(INPUT DATA):
--- START ---

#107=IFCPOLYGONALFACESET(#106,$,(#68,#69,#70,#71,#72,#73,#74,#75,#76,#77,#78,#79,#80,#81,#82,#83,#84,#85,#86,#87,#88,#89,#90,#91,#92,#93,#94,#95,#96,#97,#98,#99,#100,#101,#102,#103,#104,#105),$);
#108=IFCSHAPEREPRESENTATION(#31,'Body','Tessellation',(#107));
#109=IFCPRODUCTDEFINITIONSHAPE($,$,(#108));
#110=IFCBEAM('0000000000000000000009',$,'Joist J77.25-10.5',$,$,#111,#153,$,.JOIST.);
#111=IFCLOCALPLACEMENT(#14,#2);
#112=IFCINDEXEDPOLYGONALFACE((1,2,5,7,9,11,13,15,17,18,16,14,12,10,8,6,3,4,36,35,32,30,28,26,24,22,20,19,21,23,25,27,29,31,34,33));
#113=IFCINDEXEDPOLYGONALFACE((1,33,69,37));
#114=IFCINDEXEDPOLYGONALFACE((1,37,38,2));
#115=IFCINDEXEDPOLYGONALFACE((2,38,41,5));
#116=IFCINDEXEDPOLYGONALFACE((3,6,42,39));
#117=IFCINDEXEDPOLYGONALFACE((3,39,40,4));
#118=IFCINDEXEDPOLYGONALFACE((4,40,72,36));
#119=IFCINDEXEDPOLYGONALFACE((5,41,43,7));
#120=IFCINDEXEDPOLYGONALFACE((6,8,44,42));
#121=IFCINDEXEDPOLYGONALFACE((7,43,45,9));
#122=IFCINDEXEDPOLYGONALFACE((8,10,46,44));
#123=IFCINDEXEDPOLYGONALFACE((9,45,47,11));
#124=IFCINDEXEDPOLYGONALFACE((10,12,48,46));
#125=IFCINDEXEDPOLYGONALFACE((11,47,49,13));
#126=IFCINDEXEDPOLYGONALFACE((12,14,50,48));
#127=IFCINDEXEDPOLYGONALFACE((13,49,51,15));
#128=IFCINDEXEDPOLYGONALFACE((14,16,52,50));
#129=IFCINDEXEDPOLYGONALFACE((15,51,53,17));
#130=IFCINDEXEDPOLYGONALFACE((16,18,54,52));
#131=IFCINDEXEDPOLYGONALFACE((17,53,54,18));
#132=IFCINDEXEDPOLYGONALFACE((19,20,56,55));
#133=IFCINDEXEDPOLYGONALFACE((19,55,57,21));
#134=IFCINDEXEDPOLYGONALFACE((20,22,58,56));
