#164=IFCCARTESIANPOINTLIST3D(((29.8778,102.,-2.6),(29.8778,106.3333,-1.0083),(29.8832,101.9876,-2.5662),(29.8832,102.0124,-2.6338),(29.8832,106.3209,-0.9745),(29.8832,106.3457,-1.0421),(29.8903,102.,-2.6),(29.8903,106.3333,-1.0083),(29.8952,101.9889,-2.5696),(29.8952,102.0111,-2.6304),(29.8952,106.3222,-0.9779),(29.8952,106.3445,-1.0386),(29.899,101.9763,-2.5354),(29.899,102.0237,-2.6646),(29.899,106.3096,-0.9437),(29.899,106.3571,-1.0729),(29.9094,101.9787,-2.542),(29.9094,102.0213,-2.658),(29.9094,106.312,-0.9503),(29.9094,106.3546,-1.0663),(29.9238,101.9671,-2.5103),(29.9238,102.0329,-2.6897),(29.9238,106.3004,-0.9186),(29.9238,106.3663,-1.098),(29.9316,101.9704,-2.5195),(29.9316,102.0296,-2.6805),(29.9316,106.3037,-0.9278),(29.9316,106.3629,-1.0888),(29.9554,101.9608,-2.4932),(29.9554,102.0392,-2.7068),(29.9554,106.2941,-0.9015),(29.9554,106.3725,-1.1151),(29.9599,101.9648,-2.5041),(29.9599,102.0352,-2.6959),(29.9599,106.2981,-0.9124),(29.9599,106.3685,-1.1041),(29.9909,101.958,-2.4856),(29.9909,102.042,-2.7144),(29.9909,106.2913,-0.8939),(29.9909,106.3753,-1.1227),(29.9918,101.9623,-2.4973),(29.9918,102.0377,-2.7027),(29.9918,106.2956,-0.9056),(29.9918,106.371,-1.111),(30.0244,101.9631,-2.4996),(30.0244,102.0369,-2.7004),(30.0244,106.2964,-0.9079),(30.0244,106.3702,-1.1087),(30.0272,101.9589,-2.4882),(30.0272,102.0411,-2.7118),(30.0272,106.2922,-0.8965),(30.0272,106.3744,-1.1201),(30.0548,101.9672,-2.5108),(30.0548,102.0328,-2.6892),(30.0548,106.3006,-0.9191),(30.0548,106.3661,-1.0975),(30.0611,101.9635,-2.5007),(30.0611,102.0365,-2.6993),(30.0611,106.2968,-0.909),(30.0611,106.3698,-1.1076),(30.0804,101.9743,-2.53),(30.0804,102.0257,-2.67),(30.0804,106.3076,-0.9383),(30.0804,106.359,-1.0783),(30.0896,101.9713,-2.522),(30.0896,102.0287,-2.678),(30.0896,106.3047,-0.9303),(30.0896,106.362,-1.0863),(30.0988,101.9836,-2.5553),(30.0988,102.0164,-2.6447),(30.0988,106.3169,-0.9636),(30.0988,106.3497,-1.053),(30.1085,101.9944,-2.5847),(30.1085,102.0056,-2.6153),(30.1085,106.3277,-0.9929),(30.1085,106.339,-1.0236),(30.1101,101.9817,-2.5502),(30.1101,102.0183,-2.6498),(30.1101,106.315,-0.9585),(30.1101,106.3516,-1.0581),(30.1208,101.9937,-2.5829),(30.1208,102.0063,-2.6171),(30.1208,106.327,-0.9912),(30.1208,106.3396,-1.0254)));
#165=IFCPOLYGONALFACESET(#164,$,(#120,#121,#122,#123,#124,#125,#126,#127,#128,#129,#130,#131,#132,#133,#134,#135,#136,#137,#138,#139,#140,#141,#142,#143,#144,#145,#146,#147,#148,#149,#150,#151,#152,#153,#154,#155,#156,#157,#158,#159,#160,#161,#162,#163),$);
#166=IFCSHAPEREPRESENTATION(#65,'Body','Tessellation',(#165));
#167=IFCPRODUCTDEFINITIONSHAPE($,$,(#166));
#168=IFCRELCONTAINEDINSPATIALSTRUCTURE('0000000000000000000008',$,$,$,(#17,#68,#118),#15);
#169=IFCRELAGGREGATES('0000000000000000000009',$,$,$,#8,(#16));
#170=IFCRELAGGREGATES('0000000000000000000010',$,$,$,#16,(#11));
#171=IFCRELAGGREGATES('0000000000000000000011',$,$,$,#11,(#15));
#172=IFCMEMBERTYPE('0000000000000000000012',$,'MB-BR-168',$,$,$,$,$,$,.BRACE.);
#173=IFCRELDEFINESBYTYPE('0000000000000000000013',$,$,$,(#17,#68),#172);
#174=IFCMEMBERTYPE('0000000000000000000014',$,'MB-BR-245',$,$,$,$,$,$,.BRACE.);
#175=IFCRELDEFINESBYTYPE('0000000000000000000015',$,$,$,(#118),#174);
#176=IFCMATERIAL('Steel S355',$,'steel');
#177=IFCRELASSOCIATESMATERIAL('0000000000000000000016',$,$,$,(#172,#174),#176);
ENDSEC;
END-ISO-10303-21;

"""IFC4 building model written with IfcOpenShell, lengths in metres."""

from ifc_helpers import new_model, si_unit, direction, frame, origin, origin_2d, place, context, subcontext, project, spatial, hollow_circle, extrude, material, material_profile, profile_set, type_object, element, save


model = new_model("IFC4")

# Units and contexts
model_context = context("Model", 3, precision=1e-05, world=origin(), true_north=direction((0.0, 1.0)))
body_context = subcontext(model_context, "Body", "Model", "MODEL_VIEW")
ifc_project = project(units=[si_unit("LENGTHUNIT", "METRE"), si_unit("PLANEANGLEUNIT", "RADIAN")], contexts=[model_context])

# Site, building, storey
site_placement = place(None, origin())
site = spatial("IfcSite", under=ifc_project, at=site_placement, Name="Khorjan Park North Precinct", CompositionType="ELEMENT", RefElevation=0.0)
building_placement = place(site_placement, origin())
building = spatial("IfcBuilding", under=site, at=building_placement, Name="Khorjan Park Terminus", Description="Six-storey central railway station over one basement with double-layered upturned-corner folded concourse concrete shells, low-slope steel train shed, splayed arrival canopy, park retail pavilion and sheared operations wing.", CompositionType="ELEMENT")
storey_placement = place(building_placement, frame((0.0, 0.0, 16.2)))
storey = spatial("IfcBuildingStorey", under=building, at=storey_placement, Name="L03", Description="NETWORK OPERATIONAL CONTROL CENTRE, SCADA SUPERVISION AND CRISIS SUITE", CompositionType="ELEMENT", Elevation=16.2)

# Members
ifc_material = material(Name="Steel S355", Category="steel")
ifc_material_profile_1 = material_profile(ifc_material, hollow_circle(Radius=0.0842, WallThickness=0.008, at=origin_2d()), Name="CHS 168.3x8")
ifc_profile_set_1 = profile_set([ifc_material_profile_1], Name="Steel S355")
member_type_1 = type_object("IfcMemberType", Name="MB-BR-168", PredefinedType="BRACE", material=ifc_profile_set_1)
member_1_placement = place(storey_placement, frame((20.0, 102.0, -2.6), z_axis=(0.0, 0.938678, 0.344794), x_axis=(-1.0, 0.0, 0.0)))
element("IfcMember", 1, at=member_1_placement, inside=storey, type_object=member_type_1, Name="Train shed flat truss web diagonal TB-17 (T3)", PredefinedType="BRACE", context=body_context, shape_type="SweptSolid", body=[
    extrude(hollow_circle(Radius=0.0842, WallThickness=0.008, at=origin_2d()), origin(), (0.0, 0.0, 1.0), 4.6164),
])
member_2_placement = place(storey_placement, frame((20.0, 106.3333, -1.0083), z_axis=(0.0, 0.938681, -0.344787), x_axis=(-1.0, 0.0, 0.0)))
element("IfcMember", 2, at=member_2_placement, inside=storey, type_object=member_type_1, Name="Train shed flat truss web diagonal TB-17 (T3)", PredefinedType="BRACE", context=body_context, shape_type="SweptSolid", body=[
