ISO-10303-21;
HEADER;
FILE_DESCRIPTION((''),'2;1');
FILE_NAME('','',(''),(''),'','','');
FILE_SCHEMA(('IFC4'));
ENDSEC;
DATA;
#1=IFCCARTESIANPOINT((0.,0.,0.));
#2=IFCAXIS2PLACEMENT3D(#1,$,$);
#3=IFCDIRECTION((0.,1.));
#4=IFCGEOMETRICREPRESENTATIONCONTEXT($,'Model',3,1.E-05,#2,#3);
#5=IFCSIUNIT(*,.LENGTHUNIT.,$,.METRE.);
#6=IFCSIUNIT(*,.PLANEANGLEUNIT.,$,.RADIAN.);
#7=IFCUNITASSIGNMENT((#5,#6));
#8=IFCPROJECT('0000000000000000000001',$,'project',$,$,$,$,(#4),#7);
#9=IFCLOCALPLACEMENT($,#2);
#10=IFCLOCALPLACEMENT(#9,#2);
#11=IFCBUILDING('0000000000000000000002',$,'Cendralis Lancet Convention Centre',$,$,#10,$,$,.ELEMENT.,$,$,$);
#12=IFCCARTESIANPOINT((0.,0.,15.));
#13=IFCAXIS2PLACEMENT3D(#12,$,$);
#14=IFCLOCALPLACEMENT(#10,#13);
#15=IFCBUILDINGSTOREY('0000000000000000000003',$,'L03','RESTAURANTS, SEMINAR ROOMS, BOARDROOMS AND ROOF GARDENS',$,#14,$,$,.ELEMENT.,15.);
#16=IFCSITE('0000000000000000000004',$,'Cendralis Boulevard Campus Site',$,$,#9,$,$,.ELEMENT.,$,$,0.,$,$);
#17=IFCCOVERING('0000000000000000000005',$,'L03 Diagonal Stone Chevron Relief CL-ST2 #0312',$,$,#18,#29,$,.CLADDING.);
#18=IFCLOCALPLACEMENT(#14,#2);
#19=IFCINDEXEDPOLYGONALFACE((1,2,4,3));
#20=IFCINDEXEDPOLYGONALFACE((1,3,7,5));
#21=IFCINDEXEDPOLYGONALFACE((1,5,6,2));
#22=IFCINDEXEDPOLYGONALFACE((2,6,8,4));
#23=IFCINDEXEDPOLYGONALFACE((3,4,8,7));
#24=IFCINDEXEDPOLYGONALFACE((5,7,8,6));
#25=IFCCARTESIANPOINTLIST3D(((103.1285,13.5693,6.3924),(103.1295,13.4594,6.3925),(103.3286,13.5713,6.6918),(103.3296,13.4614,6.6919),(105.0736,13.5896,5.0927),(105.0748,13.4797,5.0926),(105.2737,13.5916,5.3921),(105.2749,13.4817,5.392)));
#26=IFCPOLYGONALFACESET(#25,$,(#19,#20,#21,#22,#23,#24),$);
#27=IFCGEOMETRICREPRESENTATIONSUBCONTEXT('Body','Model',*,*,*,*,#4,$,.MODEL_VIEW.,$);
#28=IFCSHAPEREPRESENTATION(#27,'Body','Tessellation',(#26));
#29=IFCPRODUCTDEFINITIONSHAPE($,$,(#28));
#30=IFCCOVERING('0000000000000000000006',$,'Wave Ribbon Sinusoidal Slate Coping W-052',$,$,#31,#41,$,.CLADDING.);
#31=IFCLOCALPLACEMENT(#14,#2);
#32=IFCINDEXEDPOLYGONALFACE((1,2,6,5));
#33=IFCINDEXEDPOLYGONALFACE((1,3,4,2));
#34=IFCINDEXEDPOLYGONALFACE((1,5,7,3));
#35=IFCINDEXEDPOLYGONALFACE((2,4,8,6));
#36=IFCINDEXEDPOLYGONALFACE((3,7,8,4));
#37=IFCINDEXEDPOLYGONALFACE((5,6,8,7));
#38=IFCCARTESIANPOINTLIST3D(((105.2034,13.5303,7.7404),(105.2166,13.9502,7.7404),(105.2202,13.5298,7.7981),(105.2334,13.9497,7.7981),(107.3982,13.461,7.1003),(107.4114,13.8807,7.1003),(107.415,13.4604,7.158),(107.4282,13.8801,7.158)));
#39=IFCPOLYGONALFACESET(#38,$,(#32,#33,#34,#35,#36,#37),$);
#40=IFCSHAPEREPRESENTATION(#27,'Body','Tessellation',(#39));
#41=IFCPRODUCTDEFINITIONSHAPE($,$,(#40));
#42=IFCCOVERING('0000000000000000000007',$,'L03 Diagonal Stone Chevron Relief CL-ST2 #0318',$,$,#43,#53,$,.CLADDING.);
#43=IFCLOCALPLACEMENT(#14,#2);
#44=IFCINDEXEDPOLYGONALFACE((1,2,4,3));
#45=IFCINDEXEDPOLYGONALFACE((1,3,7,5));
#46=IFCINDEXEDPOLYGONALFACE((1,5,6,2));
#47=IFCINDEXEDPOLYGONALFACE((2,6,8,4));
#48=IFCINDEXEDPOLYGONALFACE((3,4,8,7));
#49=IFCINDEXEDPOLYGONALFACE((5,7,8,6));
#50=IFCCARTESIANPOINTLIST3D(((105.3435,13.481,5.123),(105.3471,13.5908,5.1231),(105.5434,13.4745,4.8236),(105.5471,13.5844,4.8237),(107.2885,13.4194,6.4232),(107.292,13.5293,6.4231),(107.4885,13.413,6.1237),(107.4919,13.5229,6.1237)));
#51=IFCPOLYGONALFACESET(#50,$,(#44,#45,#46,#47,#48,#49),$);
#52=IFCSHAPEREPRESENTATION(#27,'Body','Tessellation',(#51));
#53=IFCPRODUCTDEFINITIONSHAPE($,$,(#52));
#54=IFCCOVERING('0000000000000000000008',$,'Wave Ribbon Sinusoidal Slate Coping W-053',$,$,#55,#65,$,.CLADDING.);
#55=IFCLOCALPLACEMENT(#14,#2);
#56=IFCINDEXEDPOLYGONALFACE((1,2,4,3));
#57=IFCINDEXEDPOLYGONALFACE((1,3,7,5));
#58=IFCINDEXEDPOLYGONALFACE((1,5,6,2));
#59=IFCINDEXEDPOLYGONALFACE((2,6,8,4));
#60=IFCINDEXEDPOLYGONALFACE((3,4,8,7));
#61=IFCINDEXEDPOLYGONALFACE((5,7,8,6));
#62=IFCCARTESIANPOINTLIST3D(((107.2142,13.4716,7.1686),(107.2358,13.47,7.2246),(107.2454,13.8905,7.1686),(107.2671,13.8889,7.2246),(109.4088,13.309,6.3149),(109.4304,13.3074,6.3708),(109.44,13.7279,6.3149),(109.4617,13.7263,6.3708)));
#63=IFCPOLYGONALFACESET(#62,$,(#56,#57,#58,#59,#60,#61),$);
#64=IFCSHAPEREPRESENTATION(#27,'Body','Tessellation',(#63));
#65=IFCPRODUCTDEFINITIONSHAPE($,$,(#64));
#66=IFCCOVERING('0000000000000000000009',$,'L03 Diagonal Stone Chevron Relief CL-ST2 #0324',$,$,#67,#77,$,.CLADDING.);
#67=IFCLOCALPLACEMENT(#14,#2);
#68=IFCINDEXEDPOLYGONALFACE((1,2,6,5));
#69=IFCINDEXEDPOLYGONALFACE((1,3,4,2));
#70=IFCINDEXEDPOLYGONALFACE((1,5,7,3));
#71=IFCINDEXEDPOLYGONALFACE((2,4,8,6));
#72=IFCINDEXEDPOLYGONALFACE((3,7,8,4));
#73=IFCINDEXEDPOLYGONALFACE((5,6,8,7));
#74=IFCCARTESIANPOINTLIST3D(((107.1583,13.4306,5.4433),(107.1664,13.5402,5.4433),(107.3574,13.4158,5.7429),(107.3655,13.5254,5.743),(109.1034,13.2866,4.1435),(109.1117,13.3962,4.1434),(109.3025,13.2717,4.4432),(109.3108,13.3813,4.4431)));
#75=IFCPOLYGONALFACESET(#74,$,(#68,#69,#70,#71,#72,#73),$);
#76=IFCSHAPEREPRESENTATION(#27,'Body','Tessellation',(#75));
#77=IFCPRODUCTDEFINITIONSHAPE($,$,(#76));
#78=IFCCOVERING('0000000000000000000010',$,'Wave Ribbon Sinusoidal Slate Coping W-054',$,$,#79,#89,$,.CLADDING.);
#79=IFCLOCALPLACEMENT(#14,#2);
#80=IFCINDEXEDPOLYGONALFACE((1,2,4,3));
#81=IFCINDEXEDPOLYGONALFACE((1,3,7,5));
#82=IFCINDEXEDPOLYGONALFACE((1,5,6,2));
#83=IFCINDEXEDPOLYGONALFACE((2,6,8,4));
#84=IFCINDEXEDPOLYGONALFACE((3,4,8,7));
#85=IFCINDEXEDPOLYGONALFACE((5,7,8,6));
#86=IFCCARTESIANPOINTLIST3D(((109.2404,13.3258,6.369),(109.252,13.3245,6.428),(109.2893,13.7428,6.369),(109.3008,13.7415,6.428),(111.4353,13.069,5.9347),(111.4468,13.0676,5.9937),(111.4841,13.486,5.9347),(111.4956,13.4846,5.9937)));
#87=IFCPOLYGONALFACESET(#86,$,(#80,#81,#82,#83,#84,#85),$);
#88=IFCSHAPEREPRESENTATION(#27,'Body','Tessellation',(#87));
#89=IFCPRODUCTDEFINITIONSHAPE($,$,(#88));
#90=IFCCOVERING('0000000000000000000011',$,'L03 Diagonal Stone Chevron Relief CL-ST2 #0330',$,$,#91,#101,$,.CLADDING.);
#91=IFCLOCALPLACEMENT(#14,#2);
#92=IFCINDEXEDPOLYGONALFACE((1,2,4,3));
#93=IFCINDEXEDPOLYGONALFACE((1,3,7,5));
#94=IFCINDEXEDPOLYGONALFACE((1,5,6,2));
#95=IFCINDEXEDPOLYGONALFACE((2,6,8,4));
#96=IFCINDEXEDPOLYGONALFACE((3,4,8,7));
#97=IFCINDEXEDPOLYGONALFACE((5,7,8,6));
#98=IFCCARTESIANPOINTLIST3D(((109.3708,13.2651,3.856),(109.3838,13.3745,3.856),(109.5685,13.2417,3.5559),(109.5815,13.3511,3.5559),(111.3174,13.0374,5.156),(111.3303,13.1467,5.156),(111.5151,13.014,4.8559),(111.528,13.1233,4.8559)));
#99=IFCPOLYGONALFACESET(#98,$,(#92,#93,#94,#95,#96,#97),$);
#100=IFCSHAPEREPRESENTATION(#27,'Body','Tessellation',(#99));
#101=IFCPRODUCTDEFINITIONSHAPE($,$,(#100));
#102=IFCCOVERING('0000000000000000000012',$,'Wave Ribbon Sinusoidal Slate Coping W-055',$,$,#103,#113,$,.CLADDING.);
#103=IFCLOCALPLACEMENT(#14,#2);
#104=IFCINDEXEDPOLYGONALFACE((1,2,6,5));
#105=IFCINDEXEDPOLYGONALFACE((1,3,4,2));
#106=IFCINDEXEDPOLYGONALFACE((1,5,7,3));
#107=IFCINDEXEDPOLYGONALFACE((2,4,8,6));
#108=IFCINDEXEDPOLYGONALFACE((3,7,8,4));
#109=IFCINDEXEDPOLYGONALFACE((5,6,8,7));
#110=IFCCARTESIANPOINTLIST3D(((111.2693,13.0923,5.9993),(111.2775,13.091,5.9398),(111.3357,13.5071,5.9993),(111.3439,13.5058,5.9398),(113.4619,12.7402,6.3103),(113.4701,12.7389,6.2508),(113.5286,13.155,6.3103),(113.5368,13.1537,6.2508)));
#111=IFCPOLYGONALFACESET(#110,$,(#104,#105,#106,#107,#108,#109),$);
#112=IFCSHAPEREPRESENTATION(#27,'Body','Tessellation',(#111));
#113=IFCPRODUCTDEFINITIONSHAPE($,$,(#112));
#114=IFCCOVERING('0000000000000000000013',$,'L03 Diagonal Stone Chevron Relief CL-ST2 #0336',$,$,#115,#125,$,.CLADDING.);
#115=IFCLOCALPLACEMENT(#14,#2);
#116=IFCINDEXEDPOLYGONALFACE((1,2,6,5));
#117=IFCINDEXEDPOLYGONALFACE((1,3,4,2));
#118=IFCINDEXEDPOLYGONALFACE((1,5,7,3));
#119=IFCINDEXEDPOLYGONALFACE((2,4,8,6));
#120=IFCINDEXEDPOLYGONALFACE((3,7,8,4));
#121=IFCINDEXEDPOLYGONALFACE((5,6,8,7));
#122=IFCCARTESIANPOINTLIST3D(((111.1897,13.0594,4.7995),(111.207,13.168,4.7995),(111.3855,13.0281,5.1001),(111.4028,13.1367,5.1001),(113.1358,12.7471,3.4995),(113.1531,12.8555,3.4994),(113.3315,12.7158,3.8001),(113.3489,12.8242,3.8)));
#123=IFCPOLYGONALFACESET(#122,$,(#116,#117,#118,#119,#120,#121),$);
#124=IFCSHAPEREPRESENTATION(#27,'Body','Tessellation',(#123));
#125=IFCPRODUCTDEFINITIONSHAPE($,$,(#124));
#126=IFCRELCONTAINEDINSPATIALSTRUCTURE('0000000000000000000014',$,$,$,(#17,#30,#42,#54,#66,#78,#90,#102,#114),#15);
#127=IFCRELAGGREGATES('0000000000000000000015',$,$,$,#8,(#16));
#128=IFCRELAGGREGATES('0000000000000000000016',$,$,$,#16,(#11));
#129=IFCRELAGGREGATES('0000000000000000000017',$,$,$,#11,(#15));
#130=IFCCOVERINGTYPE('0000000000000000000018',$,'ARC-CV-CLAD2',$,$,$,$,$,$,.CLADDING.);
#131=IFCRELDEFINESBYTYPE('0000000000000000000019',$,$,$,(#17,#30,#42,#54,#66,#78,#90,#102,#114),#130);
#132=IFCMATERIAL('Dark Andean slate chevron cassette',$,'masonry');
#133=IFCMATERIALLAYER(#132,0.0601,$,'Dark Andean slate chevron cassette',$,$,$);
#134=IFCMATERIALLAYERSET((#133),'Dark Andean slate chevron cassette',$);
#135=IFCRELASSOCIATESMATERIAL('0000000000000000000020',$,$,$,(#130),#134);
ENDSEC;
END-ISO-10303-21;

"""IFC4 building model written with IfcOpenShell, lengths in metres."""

from ifc_helpers import new_model, si_unit, direction, frame, origin, place, context, subcontext, project, spatial, polyline, outline, extrude, material, layer, layer_set, type_object, element, save


model = new_model("IFC4")

# Units and contexts
model_context = context("Model", 3, precision=1e-05, world=origin(), true_north=direction((0.0, 1.0)))
body_context = subcontext(model_context, "Body", "Model", "MODEL_VIEW")
ifc_project = project(units=[si_unit("LENGTHUNIT", "METRE"), si_unit("PLANEANGLEUNIT", "RADIAN")], contexts=[model_context])

# Site, building, storey
site_placement = place(None, origin())
site = spatial("IfcSite", under=ifc_project, at=site_placement, Name="Cendralis Boulevard Campus Site", CompositionType="ELEMENT", RefElevation=0.0)
building_placement = place(site_placement, origin())
building = spatial("IfcBuilding", under=site, at=building_placement, Name="Cendralis Lancet Convention Centre", CompositionType="ELEMENT")
storey_placement = place(building_placement, frame((0.0, 0.0, 15.0)))
storey = spatial("IfcBuildingStorey", under=building, at=storey_placement, Name="L03", Description="RESTAURANTS, SEMINAR ROOMS, BOARDROOMS AND ROOF GARDENS", CompositionType="ELEMENT", Elevation=15.0)

# Shared definitions
ifc_material_1 = material(Name="Dark Andean slate chevron cassette", Category="masonry")

# Coverings
ifc_layer_1 = layer(ifc_material_1, 0.0601, Name="Dark Andean slate chevron cassette")
ifc_layer_set_1 = layer_set([ifc_layer_1], Name="Dark Andean slate chevron cassette")
covering_type_1 = type_object("IfcCoveringType", Name="ARC-CV-CLAD2", PredefinedType="CLADDING", material=ifc_layer_set_1)
covering_1_placement = place(storey_placement, frame((103.3296, 13.4614, 6.6919), z_axis=(0.555542, 0.005555, 0.83147), x_axis=(0.831425, 0.008661, -0.55557)))
element("IfcCovering", 1, at=covering_1_placement, inside=storey, type_object=covering_type_1, Name="L03 Diagonal Stone Chevron Relief CL-ST2 #0312", PredefinedType="CLADDING", context=body_context, shape_type="SweptSolid", body=[
    extrude(outline(polyline([(0.0, 0.0), (2.3397, 0.0), (2.3396, 0.1099), (0.0001, 0.1099), (0.0, 0.0)])), origin(), (0.0, 0.0, -1.0), 0.3601),
])
covering_2_placement = place(storey_placement, frame((105.2202, 13.5298, 7.7981), z_axis=(0.279725, -0.008785, 0.96004), x_axis=(0.959561, -0.030313, -0.279863)))
element("IfcCovering", 2, at=covering_2_placement, inside=storey, type_object=covering_type_1, Name="Wave Ribbon Sinusoidal Slate Coping W-052", PredefinedType="CLADDING", context=body_context, shape_type="SweptSolid", body=[
    extrude(outline(polyline([(0.0, 0.0), (2.2873, 0.0), (2.2872, 0.4199), (-0.0001, 0.4201), (0.0, 0.0)])), origin(), (0.0, 0.0, -1.0), 0.0601),
])
covering_3_placement = place(storey_placement, frame((105.3435, 13.481, 5.123), z_axis=(-0.555231, 0.017891, 0.831504), x_axis=(0.831088, -0.026288, 0.555519)))
element("IfcCovering", 3, at=covering_3_placement, inside=storey, type_object=covering_type_1, Name="L03 Diagonal Stone Chevron Relief CL-ST2 #0318", PredefinedType="CLADDING", context=body_context, shape_type="SweptSolid", body=[
    extrude(outline(polyline([(0.0, 0.0), (2.3403, 0.0), (2.3403, 0.1099), (0.0002, 0.1099), (0.0, 0.0)])), origin(), (0.0, 0.0, -1.0), 0.3601),
])
covering_4_placement = place(storey_placement, frame((107.2358, 13.47, 7.2246), z_axis=(0.360698, -0.026905, 0.932294), x_axis=(0.929746, -0.068885, -0.3617)))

--- END ---

(WHAT IS EXPECTED): Where the listing above has a line with "#85=IFCINDEXEDPOLYGONALFACE((5,7,8,6));", start there, and output every line exactly through the line with "#101=IFCPRODUCTDEFINITIONSHAPE($,$,(#100));", which is also included.

(EXERCISE OUTPUT):
#85=IFCINDEXEDPOLYGONALFACE((5,7,8,6));
#86=IFCCARTESIANPOINTLIST3D(((109.2404,13.3258,6.369),(109.252,13.3245,6.428),(109.2893,13.7428,6.369),(109.3008,13.7415,6.428),(111.4353,13.069,5.9347),(111.4468,13.0676,5.9937),(111.4841,13.486,5.9347),(111.4956,13.4846,5.9937)));
#87=IFCPOLYGONALFACESET(#86,$,(#80,#81,#82,#83,#84,#85),$);
#88=IFCSHAPEREPRESENTATION(#27,'Body','Tessellation',(#87));
#89=IFCPRODUCTDEFINITIONSHAPE($,$,(#88));
#90=IFCCOVERING('0000000000000000000011',$,'L03 Diagonal Stone Chevron Relief CL-ST2 #0330',$,$,#91,#101,$,.CLADDING.);
#91=IFCLOCALPLACEMENT(#14,#2);
#92=IFCINDEXEDPOLYGONALFACE((1,2,4,3));
#93=IFCINDEXEDPOLYGONALFACE((1,3,7,5));
#94=IFCINDEXEDPOLYGONALFACE((1,5,6,2));
#95=IFCINDEXEDPOLYGONALFACE((2,6,8,4));
#96=IFCINDEXEDPOLYGONALFACE((3,4,8,7));
#97=IFCINDEXEDPOLYGONALFACE((5,7,8,6));
#98=IFCCARTESIANPOINTLIST3D(((109.3708,13.2651,3.856),(109.3838,13.3745,3.856),(109.5685,13.2417,3.5559),(109.5815,13.3511,3.5559),(111.3174,13.0374,5.156),(111.3303,13.1467,5.156),(111.5151,13.014,4.8559),(111.528,13.1233,4.8559)));
#99=IFCPOLYGONALFACESET(#98,$,(#92,#93,#94,#95,#96,#97),$);
#100=IFCSHAPEREPRESENTATION(#27,'Body','Tessellation',(#99));
#101=IFCPRODUCTDEFINITIONSHAPE($,$,(#100));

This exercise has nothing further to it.